Among the records below, find the line that has "storey_placement = place(building_placement, origin())"; from there, give the lines again exactly, and stop after the line that has "#99=IFCINDEXEDPOLYGONALFACE((25,27,63,61));".
((
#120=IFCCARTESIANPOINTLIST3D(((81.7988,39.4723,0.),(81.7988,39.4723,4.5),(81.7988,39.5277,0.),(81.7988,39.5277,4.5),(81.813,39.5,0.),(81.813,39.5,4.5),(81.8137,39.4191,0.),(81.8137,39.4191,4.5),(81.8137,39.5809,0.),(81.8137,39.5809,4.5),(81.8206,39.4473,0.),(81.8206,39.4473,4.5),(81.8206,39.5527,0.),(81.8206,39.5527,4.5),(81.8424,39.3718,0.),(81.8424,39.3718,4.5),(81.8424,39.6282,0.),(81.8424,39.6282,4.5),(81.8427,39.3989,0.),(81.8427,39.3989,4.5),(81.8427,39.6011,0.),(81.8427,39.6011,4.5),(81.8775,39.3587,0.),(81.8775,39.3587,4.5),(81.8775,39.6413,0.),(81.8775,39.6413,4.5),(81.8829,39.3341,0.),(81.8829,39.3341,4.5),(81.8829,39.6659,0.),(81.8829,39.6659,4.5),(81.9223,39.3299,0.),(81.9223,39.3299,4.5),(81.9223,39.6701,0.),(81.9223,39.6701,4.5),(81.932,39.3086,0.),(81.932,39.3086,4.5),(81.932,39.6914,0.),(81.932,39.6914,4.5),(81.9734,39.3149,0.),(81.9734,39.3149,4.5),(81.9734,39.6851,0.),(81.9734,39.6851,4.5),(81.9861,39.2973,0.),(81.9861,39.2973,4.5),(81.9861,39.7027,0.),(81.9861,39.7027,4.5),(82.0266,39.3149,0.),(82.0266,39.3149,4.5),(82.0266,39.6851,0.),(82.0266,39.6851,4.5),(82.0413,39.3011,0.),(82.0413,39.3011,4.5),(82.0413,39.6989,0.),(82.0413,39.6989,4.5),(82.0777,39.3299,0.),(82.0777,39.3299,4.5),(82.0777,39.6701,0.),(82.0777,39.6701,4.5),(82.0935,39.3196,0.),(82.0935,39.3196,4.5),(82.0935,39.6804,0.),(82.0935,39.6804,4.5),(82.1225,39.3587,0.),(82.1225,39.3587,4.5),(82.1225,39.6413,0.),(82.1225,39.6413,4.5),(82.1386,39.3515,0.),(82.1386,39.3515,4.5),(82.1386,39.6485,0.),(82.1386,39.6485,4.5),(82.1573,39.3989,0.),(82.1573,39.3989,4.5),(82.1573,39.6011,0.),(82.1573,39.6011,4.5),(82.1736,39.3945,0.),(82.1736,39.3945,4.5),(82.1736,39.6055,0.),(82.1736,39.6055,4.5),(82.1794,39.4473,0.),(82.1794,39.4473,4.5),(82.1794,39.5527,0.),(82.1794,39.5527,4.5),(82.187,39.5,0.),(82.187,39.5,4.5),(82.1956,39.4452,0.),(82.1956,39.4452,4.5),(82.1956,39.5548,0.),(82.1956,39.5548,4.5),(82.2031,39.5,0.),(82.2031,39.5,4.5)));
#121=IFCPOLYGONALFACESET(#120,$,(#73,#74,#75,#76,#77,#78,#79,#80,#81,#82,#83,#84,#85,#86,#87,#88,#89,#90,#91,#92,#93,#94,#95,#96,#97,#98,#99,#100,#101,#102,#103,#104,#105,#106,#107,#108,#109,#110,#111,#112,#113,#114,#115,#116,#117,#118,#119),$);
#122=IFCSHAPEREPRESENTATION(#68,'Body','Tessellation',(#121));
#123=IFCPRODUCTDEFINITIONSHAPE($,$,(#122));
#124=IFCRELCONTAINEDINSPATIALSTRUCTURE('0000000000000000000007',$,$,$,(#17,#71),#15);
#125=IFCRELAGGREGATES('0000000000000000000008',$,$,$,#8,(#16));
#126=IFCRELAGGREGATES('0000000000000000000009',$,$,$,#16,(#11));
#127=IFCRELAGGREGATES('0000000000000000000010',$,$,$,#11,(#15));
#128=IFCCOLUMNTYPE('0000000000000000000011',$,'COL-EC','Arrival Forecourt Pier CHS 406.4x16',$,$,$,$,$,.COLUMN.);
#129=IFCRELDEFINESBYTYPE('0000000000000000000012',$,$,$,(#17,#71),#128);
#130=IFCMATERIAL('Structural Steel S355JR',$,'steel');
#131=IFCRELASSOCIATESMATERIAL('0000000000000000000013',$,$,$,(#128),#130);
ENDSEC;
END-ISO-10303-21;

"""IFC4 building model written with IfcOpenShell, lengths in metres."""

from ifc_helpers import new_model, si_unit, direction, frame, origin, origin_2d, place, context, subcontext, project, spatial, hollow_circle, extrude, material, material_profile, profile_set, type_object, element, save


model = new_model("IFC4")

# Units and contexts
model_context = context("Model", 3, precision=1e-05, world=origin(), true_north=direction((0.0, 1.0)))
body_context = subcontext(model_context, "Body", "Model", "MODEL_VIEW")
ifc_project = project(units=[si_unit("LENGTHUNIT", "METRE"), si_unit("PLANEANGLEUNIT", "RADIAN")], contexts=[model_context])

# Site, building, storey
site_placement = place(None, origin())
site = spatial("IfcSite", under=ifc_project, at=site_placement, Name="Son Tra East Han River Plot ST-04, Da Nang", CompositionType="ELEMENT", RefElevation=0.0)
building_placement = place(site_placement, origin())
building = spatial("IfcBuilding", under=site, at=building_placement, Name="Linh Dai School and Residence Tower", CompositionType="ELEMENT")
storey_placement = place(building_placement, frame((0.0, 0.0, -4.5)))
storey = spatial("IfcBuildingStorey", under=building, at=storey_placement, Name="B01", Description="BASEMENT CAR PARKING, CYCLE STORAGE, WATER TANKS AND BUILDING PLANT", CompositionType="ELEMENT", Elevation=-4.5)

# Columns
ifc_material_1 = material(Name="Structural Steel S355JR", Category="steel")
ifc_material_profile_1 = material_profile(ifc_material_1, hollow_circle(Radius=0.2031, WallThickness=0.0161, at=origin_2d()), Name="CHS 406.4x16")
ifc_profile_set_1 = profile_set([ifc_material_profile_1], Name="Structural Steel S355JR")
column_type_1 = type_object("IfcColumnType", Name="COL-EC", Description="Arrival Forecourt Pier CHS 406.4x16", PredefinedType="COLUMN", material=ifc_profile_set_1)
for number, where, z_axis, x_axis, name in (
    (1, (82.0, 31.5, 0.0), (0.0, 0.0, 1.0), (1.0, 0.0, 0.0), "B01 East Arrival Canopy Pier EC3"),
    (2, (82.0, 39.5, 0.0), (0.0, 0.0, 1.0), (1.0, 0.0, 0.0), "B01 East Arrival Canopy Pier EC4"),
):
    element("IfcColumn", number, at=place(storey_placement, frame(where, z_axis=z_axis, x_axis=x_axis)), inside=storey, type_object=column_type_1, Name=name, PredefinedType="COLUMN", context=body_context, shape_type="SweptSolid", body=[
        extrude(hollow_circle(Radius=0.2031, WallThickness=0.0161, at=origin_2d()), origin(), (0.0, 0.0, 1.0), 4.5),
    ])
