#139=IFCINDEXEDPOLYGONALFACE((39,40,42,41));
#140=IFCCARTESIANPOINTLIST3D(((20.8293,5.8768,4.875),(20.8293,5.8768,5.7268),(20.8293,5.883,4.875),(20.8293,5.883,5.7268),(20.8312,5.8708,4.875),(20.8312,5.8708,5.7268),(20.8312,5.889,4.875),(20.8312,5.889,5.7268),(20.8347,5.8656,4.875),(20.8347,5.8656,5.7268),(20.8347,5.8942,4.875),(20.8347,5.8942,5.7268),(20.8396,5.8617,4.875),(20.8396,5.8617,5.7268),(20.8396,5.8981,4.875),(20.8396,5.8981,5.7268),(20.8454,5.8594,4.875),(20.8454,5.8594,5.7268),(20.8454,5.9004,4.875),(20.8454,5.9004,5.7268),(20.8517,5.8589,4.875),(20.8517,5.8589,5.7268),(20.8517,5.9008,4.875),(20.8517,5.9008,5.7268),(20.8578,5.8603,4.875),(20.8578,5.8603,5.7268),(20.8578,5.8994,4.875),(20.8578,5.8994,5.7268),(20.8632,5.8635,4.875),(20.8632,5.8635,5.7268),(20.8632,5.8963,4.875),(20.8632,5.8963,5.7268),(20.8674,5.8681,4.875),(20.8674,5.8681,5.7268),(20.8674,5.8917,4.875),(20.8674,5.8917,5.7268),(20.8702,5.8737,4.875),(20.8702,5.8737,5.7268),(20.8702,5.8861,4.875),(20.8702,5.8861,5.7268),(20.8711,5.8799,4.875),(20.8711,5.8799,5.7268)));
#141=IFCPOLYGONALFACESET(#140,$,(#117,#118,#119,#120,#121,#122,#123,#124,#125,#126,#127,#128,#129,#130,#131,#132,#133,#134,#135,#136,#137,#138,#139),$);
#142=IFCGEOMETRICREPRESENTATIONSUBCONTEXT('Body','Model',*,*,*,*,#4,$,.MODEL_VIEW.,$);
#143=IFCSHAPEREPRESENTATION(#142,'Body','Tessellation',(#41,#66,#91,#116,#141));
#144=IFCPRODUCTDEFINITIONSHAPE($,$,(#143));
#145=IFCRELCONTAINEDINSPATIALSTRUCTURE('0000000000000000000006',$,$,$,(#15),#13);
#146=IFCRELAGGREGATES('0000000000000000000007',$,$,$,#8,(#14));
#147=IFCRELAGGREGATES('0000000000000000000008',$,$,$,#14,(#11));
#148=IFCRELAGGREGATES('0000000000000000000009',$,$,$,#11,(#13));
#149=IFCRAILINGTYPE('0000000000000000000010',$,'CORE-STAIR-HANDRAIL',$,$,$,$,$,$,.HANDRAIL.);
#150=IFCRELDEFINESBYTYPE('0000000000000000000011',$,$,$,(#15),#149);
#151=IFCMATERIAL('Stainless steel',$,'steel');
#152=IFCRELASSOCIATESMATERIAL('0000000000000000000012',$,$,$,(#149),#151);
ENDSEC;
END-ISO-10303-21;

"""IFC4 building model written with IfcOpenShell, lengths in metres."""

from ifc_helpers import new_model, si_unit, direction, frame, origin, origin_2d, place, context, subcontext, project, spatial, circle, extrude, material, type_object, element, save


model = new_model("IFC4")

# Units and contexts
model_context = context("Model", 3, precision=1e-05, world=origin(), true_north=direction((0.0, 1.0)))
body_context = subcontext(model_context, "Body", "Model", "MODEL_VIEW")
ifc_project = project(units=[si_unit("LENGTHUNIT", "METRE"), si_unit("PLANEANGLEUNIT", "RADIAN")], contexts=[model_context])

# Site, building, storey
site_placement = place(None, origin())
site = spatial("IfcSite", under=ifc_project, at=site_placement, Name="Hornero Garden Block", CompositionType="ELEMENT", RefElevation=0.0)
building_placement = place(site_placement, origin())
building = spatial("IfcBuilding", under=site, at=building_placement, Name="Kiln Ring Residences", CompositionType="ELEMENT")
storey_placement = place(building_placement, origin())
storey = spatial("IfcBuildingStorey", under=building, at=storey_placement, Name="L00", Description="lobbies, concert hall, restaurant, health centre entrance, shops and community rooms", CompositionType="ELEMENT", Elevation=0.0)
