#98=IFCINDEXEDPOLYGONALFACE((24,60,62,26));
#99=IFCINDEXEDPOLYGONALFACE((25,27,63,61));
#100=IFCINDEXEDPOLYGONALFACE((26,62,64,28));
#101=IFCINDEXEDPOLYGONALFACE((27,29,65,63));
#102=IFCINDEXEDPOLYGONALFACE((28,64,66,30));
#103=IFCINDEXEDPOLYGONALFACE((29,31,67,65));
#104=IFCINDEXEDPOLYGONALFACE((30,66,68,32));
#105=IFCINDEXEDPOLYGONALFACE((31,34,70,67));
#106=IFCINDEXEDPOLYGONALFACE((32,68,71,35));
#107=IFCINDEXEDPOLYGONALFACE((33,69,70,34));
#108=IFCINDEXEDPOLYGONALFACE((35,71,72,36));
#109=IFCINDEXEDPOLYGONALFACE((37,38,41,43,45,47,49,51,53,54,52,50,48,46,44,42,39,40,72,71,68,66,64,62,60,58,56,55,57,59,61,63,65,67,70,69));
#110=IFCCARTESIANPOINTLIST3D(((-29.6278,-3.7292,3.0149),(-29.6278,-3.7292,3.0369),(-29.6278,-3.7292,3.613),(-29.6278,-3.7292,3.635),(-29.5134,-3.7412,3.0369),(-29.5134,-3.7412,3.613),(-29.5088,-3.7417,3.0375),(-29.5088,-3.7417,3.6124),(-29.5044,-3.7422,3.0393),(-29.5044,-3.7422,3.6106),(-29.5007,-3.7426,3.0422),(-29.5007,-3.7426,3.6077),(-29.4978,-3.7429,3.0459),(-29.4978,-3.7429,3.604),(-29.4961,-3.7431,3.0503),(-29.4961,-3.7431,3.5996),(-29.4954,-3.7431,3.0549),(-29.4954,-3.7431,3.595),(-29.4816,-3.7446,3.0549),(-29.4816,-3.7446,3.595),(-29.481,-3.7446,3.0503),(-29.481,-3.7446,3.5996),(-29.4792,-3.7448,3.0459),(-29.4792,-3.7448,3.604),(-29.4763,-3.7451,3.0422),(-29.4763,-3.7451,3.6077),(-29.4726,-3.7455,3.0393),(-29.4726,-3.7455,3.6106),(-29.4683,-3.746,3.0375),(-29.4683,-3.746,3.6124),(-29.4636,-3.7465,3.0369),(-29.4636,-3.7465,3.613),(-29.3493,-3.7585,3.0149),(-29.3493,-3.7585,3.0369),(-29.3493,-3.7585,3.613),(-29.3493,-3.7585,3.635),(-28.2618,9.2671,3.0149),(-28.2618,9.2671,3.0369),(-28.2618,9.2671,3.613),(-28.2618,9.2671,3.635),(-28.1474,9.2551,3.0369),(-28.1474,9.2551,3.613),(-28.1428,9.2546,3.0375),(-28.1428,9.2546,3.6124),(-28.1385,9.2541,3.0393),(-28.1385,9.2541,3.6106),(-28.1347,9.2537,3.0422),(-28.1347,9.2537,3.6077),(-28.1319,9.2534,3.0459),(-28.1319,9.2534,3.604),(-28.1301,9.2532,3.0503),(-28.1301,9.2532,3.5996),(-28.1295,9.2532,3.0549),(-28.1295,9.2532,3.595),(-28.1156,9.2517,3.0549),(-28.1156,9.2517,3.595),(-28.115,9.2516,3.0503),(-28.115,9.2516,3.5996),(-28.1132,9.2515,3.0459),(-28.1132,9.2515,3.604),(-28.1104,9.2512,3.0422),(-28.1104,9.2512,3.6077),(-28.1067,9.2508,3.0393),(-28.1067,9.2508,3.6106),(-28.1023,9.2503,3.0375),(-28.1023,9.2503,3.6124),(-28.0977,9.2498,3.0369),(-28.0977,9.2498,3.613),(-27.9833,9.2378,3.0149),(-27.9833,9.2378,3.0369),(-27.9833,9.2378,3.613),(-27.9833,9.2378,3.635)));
))
RESPONSE FOR THIS EXERCISE -
storey_placement = place(building_placement, origin())
storey = spatial("IfcBuildingStorey", under=building, at=storey_placement, Name="L00", Description="lobbies, concert hall, restaurant, health centre entrance, shops and community rooms", CompositionType="ELEMENT", Elevation=0.0)
#98=IFCINDEXEDPOLYGONALFACE((24,60,62,26));
#99=IFCINDEXEDPOLYGONALFACE((25,27,63,61));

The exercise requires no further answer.